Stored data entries
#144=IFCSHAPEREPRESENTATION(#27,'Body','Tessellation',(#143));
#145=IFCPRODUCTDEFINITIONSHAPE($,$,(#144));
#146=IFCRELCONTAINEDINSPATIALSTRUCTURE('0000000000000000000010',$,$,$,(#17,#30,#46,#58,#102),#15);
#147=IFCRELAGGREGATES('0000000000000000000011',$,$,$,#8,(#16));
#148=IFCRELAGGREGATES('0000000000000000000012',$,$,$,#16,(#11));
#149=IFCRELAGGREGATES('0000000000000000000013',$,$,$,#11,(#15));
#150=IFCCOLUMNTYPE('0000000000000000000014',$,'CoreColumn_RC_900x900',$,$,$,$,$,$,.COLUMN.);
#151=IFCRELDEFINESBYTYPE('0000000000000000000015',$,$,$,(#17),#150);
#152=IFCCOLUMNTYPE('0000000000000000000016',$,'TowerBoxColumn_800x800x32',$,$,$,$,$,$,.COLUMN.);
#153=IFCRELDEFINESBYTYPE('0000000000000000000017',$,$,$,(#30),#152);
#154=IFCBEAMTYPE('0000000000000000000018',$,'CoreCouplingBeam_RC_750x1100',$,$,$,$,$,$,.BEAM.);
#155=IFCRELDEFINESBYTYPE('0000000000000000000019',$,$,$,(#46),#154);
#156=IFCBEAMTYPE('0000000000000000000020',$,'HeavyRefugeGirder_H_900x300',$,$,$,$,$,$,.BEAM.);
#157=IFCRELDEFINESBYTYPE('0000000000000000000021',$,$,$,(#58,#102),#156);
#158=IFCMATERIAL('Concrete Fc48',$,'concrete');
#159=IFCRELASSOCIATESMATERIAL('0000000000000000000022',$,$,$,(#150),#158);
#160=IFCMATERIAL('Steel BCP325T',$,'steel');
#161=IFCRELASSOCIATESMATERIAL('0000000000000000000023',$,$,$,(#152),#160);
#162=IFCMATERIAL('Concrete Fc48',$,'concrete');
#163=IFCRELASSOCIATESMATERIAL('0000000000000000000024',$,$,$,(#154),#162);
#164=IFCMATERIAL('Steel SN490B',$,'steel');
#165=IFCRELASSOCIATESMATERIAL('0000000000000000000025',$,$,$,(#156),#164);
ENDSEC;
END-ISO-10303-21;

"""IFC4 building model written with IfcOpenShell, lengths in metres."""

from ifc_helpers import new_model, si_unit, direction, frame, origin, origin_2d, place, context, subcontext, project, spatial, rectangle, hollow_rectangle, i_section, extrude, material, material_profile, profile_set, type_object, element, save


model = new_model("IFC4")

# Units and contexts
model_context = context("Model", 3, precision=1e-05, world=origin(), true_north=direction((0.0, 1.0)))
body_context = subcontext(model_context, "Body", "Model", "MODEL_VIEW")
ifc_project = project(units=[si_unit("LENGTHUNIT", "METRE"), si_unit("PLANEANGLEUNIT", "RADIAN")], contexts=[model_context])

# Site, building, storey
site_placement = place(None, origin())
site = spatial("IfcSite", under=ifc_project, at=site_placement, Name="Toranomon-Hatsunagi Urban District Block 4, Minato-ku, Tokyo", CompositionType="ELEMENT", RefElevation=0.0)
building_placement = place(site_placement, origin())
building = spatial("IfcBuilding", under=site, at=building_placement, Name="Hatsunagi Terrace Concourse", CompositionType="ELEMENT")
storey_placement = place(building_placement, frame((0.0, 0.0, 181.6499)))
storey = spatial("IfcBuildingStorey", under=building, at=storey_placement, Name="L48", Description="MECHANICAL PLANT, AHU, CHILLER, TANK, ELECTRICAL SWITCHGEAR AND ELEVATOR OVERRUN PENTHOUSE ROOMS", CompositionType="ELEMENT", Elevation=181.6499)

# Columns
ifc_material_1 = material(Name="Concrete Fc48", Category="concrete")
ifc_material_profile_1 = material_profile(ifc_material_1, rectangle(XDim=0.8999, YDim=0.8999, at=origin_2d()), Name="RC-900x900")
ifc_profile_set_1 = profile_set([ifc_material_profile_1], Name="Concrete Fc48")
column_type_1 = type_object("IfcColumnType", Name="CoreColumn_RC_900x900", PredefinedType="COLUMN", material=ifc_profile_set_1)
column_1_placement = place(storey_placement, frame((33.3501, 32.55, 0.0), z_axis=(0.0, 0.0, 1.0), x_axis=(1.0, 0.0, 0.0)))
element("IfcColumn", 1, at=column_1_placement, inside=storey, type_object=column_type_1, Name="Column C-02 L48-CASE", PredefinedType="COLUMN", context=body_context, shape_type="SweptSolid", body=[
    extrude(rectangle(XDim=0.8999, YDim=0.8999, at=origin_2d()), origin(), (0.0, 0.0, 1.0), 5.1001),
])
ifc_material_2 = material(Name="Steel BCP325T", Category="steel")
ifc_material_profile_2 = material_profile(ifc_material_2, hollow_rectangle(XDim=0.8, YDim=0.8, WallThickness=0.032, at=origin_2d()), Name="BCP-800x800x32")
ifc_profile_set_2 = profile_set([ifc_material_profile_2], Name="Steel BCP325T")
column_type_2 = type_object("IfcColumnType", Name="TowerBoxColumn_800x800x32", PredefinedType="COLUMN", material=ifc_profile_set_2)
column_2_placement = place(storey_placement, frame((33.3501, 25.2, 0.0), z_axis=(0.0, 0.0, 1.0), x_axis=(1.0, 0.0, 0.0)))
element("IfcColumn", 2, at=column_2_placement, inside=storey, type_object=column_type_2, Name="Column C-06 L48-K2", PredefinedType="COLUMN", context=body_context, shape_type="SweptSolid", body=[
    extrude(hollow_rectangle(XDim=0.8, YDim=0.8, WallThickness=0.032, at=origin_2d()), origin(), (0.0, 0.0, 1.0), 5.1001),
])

### Problem description:
Please restate the records word for word. Go from the first line to the line with "#162=IFCMATERIAL('Concrete Fc48',$,'concrete');" and include both.

### Response to this exercise:
#144=IFCSHAPEREPRESENTATION(#27,'Body','Tessellation',(#143));
#145=IFCPRODUCTDEFINITIONSHAPE($,$,(#144));
#146=IFCRELCONTAINEDINSPATIALSTRUCTURE('0000000000000000000010',$,$,$,(#17,#30,#46,#58,#102),#15);
#147=IFCRELAGGREGATES('0000000000000000000011',$,$,$,#8,(#16));
#148=IFCRELAGGREGATES('0000000000000000000012',$,$,$,#16,(#11));
#149=IFCRELAGGREGATES('0000000000000000000013',$,$,$,#11,(#15));
#150=IFCCOLUMNTYPE('0000000000000000000014',$,'CoreColumn_RC_900x900',$,$,$,$,$,$,.COLUMN.);
#151=IFCRELDEFINESBYTYPE('0000000000000000000015',$,$,$,(#17),#150);
#152=IFCCOLUMNTYPE('0000000000000000000016',$,'TowerBoxColumn_800x800x32',$,$,$,$,$,$,.COLUMN.);
#153=IFCRELDEFINESBYTYPE('0000000000000000000017',$,$,$,(#30),#152);
#154=IFCBEAMTYPE('0000000000000000000018',$,'CoreCouplingBeam_RC_750x1100',$,$,$,$,$,$,.BEAM.);
#155=IFCRELDEFINESBYTYPE('0000000000000000000019',$,$,$,(#46),#154);
#156=IFCBEAMTYPE('0000000000000000000020',$,'HeavyRefugeGirder_H_900x300',$,$,$,$,$,$,.BEAM.);
#157=IFCRELDEFINESBYTYPE('0000000000000000000021',$,$,$,(#58,#102),#156);
#158=IFCMATERIAL('Concrete Fc48',$,'concrete');
#159=IFCRELASSOCIATESMATERIAL('0000000000000000000022',$,$,$,(#150),#158);
#160=IFCMATERIAL('Steel BCP325T',$,'steel');
#161=IFCRELASSOCIATESMATERIAL('0000000000000000000023',$,$,$,(#152),#160);
#162=IFCMATERIAL('Concrete Fc48',$,'concrete');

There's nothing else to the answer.